TASK PROMPT
Compute how many lines below contain the word "DOOR" and respond with that number only.

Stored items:
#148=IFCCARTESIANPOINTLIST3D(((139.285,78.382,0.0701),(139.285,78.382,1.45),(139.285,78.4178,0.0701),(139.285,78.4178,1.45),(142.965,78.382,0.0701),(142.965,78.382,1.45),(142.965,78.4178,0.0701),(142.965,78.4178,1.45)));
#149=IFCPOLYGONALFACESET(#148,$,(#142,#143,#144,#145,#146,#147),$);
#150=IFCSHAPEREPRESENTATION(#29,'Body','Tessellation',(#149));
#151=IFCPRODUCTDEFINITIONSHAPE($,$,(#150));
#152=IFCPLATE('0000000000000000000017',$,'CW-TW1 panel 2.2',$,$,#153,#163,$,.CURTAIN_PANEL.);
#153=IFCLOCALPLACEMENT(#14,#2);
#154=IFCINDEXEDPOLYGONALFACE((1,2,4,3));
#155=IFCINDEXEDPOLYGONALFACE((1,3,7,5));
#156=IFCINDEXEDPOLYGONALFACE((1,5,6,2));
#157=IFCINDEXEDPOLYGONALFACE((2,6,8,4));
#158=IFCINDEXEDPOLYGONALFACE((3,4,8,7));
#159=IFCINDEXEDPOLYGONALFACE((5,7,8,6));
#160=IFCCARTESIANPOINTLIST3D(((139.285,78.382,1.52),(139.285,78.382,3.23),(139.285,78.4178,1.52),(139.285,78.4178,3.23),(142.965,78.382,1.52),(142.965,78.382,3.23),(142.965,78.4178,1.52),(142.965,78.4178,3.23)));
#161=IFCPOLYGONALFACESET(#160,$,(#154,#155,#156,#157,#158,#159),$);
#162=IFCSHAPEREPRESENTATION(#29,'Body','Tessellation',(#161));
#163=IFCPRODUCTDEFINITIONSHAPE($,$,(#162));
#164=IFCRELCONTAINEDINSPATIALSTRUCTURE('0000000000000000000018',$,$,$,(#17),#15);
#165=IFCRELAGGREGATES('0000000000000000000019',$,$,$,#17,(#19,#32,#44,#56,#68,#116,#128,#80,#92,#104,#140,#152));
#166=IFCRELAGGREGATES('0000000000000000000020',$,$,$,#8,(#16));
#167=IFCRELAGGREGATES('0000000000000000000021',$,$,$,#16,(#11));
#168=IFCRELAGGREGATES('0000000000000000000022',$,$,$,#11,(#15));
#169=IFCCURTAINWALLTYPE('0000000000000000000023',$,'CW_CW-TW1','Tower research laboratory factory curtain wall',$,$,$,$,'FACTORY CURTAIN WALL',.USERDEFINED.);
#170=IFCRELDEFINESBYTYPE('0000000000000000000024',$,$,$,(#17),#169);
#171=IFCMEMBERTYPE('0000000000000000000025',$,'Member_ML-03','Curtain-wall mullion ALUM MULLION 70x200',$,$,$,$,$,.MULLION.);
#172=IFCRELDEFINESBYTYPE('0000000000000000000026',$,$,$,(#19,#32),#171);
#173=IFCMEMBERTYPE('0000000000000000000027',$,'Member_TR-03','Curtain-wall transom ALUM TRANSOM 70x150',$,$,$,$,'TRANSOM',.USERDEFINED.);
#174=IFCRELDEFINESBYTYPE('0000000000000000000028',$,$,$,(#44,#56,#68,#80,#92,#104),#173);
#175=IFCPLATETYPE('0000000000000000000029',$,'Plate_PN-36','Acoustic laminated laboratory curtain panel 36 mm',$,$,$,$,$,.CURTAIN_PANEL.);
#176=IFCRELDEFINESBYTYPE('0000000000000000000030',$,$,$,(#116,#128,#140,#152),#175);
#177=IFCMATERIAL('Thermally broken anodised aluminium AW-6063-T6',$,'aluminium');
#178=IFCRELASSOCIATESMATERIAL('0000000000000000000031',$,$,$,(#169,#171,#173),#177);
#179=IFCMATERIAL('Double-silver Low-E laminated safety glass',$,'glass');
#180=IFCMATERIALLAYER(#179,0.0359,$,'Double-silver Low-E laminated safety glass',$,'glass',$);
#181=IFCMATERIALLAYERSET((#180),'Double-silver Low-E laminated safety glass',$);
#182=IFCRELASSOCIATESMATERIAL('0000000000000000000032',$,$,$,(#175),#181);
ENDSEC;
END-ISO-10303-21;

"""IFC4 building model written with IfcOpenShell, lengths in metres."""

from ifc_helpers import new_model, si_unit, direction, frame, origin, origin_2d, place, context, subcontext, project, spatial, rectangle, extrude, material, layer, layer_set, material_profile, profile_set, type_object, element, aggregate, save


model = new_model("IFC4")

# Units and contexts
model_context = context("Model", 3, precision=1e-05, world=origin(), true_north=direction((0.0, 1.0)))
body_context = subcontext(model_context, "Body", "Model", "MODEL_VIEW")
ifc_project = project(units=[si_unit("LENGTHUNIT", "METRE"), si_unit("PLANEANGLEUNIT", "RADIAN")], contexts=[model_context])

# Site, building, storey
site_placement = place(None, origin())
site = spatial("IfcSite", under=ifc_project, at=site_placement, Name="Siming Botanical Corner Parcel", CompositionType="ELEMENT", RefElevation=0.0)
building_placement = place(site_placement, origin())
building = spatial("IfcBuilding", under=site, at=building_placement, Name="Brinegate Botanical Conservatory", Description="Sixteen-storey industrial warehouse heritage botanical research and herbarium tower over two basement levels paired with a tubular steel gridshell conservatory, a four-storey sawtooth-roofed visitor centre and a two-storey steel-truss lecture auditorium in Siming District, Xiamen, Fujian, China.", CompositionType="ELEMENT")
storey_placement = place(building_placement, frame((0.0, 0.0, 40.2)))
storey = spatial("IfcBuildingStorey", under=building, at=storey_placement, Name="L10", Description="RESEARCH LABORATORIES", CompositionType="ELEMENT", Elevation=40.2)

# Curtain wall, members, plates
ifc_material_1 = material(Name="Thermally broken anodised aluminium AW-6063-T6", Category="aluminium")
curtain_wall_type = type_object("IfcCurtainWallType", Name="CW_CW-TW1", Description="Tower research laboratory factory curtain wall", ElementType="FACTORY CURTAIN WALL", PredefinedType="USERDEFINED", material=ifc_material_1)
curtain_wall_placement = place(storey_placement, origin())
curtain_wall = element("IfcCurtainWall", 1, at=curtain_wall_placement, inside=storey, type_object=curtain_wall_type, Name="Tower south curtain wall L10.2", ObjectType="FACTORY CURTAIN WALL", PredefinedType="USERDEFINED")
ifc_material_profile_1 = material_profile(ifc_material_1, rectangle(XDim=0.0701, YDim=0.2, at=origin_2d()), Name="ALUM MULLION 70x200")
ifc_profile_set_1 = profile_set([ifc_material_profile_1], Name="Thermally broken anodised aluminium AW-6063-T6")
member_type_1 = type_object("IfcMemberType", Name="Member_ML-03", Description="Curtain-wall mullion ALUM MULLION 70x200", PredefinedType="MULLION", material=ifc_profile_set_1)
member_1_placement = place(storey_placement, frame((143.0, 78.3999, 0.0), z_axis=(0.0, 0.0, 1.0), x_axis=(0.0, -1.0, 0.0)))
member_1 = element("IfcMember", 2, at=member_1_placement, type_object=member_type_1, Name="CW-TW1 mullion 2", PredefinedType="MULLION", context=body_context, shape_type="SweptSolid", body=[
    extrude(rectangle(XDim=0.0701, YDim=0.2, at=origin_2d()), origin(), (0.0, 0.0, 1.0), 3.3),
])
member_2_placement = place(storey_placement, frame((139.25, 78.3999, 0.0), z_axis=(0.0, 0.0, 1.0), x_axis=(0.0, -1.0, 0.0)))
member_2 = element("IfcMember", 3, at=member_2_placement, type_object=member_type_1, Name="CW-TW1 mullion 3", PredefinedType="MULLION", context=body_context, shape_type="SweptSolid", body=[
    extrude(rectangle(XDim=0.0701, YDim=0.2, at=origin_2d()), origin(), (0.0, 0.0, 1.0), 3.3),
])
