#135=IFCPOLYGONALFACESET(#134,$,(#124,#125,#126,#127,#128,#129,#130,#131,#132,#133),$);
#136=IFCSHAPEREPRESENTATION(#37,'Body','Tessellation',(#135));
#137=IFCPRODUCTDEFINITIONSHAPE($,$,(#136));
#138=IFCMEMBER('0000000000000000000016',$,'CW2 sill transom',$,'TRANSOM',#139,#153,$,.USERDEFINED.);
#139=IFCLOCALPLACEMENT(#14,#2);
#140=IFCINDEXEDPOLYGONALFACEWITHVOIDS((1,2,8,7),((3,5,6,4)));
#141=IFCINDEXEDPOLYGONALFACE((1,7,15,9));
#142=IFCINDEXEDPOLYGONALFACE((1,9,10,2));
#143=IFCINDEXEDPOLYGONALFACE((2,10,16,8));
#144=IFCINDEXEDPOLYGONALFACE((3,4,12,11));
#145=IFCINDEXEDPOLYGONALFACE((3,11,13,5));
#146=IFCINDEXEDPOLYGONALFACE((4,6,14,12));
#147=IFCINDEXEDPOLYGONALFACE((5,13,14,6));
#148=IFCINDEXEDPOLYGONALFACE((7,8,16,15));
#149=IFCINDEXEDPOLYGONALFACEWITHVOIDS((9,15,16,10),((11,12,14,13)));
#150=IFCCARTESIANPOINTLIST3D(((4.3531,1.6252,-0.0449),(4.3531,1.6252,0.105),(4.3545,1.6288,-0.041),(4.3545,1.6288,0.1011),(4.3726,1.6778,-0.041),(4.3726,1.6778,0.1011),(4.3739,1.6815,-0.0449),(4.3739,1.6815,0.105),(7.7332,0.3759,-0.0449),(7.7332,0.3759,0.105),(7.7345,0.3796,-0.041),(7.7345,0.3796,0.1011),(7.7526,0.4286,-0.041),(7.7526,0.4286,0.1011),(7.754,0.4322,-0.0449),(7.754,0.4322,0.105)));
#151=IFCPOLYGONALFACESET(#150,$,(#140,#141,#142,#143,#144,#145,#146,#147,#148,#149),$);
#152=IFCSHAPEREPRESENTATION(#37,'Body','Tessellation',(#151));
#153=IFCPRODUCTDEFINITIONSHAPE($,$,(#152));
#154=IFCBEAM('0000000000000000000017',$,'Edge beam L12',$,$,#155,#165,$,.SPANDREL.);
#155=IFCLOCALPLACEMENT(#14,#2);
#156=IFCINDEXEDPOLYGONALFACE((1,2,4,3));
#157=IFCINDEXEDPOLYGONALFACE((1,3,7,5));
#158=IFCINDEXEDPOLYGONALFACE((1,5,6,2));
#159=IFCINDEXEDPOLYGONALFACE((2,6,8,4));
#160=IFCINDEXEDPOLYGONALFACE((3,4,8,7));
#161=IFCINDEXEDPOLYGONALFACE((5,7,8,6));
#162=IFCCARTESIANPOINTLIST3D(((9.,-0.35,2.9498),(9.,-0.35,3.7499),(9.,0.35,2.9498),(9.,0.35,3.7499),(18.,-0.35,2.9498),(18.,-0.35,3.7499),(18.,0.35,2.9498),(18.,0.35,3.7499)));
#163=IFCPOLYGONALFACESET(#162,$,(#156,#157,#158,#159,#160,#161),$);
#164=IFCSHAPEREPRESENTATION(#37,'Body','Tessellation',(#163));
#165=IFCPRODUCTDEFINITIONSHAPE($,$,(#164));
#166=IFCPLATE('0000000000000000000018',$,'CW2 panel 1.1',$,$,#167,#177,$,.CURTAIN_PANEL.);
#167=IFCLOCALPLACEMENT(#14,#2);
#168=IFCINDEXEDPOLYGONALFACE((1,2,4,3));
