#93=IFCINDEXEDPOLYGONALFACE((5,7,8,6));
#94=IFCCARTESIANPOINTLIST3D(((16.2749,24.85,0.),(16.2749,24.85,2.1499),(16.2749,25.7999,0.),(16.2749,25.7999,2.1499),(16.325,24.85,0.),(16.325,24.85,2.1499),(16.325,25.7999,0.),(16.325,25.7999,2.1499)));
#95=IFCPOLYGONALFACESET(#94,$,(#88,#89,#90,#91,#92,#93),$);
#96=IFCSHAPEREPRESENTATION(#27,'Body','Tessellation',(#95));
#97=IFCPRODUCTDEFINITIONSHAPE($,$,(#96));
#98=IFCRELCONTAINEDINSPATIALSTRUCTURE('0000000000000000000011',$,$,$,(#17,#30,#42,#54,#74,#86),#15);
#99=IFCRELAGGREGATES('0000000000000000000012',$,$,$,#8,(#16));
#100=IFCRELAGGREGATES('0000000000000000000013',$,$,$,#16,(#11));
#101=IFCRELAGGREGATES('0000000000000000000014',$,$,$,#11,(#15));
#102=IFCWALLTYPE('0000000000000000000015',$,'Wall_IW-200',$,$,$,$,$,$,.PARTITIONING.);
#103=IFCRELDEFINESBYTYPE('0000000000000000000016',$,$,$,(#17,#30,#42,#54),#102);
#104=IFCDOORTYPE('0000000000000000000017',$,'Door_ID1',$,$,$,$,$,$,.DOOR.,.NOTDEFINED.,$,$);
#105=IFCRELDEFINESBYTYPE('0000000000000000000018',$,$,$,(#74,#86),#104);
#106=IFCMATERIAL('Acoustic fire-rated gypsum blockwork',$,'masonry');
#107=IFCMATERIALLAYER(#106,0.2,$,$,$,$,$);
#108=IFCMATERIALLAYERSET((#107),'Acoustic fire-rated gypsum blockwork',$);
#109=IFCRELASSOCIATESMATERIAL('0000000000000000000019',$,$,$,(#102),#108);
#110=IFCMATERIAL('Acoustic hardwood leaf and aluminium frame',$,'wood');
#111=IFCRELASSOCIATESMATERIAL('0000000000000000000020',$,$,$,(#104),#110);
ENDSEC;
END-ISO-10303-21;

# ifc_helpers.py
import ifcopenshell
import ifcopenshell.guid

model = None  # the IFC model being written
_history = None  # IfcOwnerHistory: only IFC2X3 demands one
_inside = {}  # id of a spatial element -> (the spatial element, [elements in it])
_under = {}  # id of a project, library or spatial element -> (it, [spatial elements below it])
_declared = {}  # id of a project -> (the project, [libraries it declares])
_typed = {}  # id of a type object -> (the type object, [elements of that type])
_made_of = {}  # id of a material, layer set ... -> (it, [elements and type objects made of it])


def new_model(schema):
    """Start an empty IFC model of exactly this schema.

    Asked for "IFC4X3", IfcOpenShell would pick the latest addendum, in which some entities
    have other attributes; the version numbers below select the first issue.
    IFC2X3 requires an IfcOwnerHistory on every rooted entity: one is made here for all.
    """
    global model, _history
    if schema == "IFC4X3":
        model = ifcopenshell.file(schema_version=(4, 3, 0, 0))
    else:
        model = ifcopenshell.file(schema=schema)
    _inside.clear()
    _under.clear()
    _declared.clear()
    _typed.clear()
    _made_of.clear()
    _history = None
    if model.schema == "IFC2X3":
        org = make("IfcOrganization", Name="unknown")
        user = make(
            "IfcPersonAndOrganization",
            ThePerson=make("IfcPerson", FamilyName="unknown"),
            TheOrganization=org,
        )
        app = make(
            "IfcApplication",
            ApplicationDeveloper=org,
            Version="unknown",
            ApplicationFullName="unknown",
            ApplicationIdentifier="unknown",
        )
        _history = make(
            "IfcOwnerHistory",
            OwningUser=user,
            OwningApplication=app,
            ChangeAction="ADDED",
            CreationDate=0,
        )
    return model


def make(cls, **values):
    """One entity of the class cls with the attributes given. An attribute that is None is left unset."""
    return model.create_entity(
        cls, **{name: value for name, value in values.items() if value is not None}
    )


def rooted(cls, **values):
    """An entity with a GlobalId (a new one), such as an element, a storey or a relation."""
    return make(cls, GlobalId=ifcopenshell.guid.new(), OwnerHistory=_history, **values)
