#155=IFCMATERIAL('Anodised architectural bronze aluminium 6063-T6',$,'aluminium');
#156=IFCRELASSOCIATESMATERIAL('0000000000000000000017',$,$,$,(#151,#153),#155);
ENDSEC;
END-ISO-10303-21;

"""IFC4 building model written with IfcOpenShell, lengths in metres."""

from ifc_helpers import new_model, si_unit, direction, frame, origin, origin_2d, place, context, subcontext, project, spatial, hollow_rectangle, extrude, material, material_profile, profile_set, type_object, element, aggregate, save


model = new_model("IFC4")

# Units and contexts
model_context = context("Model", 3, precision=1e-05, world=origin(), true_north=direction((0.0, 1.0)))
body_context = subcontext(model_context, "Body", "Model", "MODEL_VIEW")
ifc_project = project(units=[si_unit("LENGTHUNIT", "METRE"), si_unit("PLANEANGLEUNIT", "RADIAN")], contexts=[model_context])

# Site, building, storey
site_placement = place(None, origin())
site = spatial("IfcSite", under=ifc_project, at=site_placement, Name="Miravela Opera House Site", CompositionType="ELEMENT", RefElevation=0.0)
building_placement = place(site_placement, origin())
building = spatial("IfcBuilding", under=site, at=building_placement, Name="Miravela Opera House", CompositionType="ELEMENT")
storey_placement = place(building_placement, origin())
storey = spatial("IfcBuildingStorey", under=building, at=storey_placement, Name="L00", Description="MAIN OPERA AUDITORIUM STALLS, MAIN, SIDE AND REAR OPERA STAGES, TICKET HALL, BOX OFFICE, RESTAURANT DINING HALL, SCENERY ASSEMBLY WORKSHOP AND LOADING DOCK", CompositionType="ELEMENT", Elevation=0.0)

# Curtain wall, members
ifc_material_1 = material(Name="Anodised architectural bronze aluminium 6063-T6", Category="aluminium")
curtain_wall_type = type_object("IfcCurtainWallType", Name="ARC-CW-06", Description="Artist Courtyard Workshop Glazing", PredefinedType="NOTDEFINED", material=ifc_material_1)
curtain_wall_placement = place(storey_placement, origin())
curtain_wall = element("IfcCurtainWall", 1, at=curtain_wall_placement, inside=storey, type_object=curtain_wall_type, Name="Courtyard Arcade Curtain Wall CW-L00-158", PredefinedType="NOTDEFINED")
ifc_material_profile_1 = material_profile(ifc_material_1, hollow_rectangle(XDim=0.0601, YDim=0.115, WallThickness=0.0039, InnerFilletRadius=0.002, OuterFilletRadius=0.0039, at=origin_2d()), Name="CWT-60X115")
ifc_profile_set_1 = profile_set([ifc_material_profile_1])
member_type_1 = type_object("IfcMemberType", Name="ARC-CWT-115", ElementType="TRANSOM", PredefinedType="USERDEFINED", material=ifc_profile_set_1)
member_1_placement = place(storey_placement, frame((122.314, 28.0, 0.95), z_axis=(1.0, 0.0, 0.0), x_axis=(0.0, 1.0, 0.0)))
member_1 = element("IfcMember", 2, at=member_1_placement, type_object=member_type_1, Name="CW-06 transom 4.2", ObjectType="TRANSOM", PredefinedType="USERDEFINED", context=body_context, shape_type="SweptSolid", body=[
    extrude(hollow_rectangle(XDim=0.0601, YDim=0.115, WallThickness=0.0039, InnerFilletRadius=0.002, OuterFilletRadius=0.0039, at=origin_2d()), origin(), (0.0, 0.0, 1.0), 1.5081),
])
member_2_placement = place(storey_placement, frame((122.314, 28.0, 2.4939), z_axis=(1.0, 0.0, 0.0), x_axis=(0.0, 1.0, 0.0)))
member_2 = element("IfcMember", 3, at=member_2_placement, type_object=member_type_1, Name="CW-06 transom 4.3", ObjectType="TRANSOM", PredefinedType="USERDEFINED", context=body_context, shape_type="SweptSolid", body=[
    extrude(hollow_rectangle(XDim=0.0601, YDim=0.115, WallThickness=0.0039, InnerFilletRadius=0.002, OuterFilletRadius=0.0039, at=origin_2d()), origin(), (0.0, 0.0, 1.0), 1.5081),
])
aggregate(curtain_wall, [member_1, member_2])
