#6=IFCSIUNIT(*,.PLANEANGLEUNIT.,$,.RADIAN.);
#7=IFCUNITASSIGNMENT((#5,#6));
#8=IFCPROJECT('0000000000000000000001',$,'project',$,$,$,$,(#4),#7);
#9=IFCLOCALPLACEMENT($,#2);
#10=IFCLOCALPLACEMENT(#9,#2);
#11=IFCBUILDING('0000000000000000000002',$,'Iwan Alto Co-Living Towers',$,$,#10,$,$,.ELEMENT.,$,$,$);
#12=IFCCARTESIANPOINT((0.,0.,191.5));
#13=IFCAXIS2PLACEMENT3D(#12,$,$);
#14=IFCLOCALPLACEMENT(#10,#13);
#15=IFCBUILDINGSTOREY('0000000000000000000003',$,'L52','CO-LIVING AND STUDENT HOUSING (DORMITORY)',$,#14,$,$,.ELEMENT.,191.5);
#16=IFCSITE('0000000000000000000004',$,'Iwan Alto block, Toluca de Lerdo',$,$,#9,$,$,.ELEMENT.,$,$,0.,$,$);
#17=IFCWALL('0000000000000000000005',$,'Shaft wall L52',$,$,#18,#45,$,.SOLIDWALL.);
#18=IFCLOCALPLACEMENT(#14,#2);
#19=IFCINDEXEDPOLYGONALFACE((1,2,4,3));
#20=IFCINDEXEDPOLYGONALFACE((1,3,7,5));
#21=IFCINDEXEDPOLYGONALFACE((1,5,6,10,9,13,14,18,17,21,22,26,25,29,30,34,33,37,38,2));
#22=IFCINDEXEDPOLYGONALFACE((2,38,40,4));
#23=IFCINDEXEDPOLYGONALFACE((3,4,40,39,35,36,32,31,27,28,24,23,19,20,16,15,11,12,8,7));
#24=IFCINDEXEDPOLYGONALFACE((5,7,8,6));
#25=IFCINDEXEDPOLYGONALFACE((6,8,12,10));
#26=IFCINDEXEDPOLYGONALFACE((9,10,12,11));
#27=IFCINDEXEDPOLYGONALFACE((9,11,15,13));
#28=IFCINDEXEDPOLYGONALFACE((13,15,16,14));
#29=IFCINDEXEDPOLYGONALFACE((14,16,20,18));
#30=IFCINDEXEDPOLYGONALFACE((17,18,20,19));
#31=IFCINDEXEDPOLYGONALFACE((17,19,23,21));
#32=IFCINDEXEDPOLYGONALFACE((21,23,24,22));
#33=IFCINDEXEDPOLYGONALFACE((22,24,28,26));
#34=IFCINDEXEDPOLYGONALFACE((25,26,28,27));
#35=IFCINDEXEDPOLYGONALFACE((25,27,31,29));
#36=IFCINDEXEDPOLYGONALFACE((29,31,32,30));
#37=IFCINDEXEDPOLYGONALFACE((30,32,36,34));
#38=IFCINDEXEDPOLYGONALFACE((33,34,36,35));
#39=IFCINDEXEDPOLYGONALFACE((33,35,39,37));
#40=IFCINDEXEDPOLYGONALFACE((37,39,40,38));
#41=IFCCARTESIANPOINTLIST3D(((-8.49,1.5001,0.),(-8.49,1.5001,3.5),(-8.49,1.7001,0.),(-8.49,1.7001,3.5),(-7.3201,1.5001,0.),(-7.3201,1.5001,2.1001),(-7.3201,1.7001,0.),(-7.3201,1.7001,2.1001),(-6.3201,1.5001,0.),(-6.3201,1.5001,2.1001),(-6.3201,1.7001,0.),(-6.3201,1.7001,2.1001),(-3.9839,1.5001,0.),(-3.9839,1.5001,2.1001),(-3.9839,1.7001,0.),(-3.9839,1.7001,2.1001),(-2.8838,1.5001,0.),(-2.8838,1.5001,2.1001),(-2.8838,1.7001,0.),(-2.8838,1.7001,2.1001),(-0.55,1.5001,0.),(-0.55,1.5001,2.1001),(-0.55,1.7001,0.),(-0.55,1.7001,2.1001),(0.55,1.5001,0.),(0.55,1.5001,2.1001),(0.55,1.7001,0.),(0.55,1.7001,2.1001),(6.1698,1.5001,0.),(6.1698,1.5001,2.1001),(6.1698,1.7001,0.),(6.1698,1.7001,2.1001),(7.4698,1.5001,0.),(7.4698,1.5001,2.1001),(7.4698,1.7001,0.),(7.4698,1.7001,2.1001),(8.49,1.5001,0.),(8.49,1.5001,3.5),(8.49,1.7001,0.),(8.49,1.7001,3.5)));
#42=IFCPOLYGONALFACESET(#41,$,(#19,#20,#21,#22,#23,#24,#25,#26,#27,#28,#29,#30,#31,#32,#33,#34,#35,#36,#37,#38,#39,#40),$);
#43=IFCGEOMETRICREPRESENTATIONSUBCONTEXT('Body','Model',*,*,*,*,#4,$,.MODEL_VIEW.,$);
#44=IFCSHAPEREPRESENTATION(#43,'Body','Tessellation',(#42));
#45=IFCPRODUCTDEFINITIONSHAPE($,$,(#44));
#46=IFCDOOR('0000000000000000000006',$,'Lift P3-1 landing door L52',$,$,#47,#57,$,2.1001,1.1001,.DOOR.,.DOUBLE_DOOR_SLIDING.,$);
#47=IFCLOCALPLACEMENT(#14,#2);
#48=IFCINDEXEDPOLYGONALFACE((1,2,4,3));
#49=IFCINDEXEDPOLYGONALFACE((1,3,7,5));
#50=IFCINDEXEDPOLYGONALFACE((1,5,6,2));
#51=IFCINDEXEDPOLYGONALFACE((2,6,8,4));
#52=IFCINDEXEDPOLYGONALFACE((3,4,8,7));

SOLUTION TO THE PROBLEM
2